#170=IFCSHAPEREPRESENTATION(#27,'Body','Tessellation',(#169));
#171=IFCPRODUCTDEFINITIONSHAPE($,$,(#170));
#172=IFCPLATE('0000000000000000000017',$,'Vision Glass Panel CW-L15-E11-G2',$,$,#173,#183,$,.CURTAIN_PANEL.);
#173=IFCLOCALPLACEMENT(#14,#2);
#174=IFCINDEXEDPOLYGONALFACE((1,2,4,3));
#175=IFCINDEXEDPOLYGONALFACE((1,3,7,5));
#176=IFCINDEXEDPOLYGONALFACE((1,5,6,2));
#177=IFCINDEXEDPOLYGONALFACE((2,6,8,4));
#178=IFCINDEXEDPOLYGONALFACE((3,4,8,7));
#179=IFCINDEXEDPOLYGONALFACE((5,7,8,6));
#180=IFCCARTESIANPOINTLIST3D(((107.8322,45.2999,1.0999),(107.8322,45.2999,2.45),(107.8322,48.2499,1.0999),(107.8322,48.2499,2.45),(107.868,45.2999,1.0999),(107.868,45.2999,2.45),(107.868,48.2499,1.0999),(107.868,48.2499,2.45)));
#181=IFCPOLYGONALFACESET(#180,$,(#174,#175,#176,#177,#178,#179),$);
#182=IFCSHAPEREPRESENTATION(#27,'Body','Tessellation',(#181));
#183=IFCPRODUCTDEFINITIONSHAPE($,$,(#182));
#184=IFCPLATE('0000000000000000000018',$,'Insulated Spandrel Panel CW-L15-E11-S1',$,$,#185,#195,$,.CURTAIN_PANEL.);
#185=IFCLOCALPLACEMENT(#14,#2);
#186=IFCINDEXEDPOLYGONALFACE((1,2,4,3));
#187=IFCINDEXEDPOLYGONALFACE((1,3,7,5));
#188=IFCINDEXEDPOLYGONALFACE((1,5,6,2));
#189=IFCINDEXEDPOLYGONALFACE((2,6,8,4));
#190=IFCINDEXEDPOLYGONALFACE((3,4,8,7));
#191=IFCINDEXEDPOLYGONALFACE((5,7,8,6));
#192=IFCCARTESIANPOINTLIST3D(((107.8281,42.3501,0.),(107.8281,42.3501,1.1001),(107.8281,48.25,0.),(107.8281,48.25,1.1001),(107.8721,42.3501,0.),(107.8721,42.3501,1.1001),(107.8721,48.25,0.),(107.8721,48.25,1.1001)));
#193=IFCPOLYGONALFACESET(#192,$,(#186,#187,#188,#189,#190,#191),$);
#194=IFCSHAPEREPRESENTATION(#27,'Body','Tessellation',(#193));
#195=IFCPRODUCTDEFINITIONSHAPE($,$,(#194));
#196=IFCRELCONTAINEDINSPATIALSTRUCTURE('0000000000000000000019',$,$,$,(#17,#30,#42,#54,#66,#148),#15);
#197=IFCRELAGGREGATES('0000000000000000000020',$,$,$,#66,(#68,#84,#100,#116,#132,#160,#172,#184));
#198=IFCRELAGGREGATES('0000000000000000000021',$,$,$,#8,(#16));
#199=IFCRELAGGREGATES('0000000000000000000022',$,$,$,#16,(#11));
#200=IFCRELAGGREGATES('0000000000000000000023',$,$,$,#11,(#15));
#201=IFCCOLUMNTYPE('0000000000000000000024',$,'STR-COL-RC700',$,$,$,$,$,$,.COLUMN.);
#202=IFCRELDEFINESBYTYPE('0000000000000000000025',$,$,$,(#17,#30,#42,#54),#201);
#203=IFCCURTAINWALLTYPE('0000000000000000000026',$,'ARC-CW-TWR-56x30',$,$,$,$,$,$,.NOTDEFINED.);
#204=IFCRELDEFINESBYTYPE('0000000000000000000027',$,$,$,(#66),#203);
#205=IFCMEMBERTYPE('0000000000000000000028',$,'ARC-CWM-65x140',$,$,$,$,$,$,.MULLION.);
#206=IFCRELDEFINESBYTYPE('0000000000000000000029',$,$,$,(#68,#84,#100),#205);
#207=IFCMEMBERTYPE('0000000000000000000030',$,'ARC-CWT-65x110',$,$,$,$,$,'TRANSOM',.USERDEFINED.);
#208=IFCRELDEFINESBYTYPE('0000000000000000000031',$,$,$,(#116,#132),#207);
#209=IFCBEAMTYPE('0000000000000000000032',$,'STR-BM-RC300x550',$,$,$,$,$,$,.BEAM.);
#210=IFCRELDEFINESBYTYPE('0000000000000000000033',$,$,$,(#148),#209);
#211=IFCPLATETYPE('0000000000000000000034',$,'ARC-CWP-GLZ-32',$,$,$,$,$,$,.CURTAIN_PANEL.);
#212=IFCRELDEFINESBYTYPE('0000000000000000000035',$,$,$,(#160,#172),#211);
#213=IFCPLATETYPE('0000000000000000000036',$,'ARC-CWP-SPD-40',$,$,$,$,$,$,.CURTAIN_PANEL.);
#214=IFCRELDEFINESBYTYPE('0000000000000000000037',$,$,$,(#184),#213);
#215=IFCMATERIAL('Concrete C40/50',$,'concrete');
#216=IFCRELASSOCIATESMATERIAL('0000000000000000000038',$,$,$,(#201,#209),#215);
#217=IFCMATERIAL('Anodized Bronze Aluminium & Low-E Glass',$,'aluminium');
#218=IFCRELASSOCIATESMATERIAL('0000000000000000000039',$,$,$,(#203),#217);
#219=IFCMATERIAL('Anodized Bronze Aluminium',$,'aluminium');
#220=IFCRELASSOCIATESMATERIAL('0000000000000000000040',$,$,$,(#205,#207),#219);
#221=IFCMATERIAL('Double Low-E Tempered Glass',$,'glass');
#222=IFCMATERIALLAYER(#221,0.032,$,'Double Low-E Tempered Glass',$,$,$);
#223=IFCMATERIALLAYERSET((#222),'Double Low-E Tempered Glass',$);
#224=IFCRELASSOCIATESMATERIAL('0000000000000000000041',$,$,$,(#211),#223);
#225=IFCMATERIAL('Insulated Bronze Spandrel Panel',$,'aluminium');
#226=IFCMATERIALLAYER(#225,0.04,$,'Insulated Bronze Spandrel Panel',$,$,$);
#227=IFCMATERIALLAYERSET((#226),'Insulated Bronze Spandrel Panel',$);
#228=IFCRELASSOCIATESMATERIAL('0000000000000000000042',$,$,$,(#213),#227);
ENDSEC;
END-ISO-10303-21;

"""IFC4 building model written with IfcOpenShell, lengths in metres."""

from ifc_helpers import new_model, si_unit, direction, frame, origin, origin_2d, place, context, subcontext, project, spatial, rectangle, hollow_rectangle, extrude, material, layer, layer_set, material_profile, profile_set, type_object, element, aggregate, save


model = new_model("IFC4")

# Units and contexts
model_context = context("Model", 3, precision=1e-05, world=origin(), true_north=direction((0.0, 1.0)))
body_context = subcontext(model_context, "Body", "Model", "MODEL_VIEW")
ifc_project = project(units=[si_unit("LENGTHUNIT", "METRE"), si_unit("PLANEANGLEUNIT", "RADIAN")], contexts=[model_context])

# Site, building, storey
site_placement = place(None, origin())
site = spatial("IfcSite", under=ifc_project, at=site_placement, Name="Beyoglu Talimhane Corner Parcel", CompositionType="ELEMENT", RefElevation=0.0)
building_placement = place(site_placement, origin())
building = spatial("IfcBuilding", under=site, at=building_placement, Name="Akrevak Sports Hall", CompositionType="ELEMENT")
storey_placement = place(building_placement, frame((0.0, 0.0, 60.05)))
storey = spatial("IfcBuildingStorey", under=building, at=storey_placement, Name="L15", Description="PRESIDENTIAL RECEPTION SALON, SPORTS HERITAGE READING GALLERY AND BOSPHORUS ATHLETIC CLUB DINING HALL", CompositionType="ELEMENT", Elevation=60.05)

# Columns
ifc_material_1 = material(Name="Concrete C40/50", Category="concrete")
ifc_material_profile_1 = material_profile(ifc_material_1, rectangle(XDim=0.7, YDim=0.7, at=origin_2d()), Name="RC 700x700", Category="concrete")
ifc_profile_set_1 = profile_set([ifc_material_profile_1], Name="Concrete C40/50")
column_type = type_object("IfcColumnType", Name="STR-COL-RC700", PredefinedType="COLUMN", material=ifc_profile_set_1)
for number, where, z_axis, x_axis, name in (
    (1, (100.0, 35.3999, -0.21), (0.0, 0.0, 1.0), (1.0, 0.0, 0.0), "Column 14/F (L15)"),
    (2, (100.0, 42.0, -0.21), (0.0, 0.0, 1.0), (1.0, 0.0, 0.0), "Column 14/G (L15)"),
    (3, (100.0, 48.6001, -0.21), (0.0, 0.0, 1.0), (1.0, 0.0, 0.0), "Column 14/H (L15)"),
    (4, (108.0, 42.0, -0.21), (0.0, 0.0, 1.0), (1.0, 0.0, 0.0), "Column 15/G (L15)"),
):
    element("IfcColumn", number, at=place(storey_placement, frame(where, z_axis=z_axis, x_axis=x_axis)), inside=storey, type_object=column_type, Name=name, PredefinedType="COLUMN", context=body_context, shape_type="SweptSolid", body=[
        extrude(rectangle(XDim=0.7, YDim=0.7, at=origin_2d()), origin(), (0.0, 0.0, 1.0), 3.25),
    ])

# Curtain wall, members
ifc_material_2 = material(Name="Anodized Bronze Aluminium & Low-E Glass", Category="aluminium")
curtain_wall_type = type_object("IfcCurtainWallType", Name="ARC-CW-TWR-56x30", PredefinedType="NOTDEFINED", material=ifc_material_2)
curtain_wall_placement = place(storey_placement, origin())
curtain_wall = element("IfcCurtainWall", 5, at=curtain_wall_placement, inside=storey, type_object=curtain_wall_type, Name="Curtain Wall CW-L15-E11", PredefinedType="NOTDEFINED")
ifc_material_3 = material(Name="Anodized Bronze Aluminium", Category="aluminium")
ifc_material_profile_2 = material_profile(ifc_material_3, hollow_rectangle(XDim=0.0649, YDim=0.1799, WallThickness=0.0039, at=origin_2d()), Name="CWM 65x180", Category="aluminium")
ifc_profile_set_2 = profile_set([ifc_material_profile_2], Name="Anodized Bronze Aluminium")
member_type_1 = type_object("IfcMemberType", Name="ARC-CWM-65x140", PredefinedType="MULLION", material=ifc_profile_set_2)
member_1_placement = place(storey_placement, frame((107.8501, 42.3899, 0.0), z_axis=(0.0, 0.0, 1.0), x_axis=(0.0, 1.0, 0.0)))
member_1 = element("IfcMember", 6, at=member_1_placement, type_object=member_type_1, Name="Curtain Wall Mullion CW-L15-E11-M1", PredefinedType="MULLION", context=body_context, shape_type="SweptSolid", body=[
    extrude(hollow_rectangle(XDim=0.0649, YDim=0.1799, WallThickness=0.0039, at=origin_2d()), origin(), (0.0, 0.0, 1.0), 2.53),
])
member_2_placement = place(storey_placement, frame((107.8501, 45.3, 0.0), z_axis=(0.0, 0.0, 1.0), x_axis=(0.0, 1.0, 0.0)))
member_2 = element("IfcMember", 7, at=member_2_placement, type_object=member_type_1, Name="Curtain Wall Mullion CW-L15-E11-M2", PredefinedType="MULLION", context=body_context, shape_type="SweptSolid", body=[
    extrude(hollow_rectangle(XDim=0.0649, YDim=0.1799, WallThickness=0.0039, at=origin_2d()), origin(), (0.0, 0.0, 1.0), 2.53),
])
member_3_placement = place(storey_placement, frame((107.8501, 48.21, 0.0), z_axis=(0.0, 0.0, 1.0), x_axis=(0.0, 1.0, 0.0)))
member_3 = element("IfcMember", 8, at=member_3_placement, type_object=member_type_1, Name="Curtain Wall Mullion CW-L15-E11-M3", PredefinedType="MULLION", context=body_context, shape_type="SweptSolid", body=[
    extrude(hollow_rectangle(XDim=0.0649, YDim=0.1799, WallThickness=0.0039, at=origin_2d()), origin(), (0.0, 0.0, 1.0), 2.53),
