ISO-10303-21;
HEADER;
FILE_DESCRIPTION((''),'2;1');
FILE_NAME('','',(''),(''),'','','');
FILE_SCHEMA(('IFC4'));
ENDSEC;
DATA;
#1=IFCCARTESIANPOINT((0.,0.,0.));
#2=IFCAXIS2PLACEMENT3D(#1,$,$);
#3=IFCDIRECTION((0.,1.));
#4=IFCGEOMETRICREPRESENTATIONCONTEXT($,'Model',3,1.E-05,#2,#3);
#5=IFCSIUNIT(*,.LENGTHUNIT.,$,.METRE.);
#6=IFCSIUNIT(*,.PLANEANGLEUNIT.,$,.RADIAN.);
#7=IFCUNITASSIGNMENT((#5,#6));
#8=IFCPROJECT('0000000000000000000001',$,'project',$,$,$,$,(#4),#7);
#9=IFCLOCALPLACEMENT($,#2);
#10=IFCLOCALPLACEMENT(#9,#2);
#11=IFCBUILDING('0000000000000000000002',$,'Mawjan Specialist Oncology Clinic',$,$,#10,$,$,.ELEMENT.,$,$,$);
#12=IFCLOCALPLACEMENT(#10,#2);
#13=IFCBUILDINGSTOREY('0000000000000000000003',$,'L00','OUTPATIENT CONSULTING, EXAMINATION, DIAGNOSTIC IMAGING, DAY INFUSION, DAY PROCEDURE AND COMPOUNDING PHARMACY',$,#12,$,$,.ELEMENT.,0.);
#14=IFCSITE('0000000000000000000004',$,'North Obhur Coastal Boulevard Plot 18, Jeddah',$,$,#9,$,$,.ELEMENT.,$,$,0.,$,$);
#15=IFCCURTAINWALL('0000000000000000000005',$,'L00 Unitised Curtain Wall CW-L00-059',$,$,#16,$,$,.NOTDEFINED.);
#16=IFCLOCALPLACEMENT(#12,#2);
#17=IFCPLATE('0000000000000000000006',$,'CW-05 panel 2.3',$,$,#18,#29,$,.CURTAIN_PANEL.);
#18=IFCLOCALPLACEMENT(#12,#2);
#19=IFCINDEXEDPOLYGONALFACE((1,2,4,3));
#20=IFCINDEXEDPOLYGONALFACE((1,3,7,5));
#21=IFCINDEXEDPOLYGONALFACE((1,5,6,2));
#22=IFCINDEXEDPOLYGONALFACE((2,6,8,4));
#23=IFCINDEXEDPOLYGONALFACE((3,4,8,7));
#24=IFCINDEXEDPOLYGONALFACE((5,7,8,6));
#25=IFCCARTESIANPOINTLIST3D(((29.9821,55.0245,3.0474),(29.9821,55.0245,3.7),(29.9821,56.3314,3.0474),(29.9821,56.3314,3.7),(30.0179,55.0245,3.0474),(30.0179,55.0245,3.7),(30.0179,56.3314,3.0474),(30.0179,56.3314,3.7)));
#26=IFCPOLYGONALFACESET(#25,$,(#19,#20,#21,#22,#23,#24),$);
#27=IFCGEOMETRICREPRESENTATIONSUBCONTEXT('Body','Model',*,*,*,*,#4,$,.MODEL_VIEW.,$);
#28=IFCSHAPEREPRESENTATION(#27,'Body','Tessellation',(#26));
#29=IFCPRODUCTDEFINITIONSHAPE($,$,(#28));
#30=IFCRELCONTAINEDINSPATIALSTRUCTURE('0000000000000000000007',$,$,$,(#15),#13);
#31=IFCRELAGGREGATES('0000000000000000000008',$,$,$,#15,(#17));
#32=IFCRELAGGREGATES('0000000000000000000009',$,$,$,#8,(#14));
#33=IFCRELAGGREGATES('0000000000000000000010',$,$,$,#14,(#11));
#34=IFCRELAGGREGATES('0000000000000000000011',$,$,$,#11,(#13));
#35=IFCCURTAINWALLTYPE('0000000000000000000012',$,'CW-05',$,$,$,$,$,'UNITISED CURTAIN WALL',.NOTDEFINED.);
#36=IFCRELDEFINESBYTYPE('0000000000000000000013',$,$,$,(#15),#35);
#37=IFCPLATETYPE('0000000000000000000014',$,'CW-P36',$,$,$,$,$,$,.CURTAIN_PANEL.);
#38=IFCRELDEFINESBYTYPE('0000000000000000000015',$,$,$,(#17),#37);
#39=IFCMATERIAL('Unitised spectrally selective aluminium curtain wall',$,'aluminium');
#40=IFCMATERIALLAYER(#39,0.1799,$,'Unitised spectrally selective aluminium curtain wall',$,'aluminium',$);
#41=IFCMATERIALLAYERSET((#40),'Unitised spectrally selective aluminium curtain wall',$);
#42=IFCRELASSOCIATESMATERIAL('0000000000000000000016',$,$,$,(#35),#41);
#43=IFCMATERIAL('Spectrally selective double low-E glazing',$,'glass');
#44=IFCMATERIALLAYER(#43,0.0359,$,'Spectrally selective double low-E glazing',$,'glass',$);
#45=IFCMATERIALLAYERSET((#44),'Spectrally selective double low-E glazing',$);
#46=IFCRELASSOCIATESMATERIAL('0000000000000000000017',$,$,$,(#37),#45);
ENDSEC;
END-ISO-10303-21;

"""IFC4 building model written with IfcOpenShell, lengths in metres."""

from ifc_helpers import new_model, si_unit, direction, frame, origin, origin_2d, place, context, subcontext, project, spatial, rectangle, extrude, material, layer, layer_set, type_object, element, aggregate, save


model = new_model("IFC4")

# Units and contexts
model_context = context("Model", 3, precision=1e-05, world=origin(), true_north=direction((0.0, 1.0)))
body_context = subcontext(model_context, "Body", "Model", "MODEL_VIEW")
ifc_project = project(units=[si_unit("LENGTHUNIT", "METRE"), si_unit("PLANEANGLEUNIT", "RADIAN")], contexts=[model_context])

# Site, building, storey
site_placement = place(None, origin())
site = spatial("IfcSite", under=ifc_project, at=site_placement, Name="North Obhur Coastal Boulevard Plot 18, Jeddah", CompositionType="ELEMENT", RefElevation=0.0)
building_placement = place(site_placement, origin())
building = spatial("IfcBuilding", under=site, at=building_placement, Name="Mawjan Specialist Oncology Clinic", CompositionType="ELEMENT")
storey_placement = place(building_placement, origin())
storey = spatial("IfcBuildingStorey", under=building, at=storey_placement, Name="L00", Description="OUTPATIENT CONSULTING, EXAMINATION, DIAGNOSTIC IMAGING, DAY INFUSION, DAY PROCEDURE AND COMPOUNDING PHARMACY", CompositionType="ELEMENT", Elevation=0.0)

# Curtain wall, plate
ifc_material_1 = material(Name="Unitised spectrally selective aluminium curtain wall", Category="aluminium")
ifc_layer_1 = layer(ifc_material_1, 0.1799, Name="Unitised spectrally selective aluminium curtain wall", Category="aluminium")
ifc_layer_set_1 = layer_set([ifc_layer_1], Name="Unitised spectrally selective aluminium curtain wall")
curtain_wall_type = type_object("IfcCurtainWallType", Name="CW-05", ElementType="UNITISED CURTAIN WALL", PredefinedType="NOTDEFINED", material=ifc_layer_set_1)
curtain_wall_placement = place(storey_placement, origin())
curtain_wall = element("IfcCurtainWall", 1, at=curtain_wall_placement, inside=storey, type_object=curtain_wall_type, Name="L00 Unitised Curtain Wall CW-L00-059", PredefinedType="NOTDEFINED")
ifc_material_2 = material(Name="Spectrally selective double low-E glazing", Category="glass")
ifc_layer_2 = layer(ifc_material_2, 0.0359, Name="Spectrally selective double low-E glazing", Category="glass")
ifc_layer_set_2 = layer_set([ifc_layer_2], Name="Spectrally selective double low-E glazing")
plate_type = type_object("IfcPlateType", Name="CW-P36", PredefinedType="CURTAIN_PANEL", material=ifc_layer_set_2)
plate_1_placement = place(storey_placement, frame((30.0, 55.678, 3.0474), z_axis=(0.0, 0.0, 1.0), x_axis=(0.0, 1.0, 0.0)))
plate_1 = element("IfcPlate", 2, at=plate_1_placement, type_object=plate_type, Name="CW-05 panel 2.3", PredefinedType="CURTAIN_PANEL", context=body_context, shape_type="SweptSolid", body=[
    extrude(rectangle(XDim=1.3069, YDim=0.0359, at=origin_2d()), origin(), (0.0, 0.0, 1.0), 0.6526),
])
aggregate(curtain_wall, [plate_1])

save(model, "model.ifc")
☆ ☆ ☆ ☆ ☆ ☆ ☆
PROBLEM:
The word "IFCMATERIALLAYERSET" occurs on some lines of the data. Give the number of those lines only.

ANSWER SECTION:
4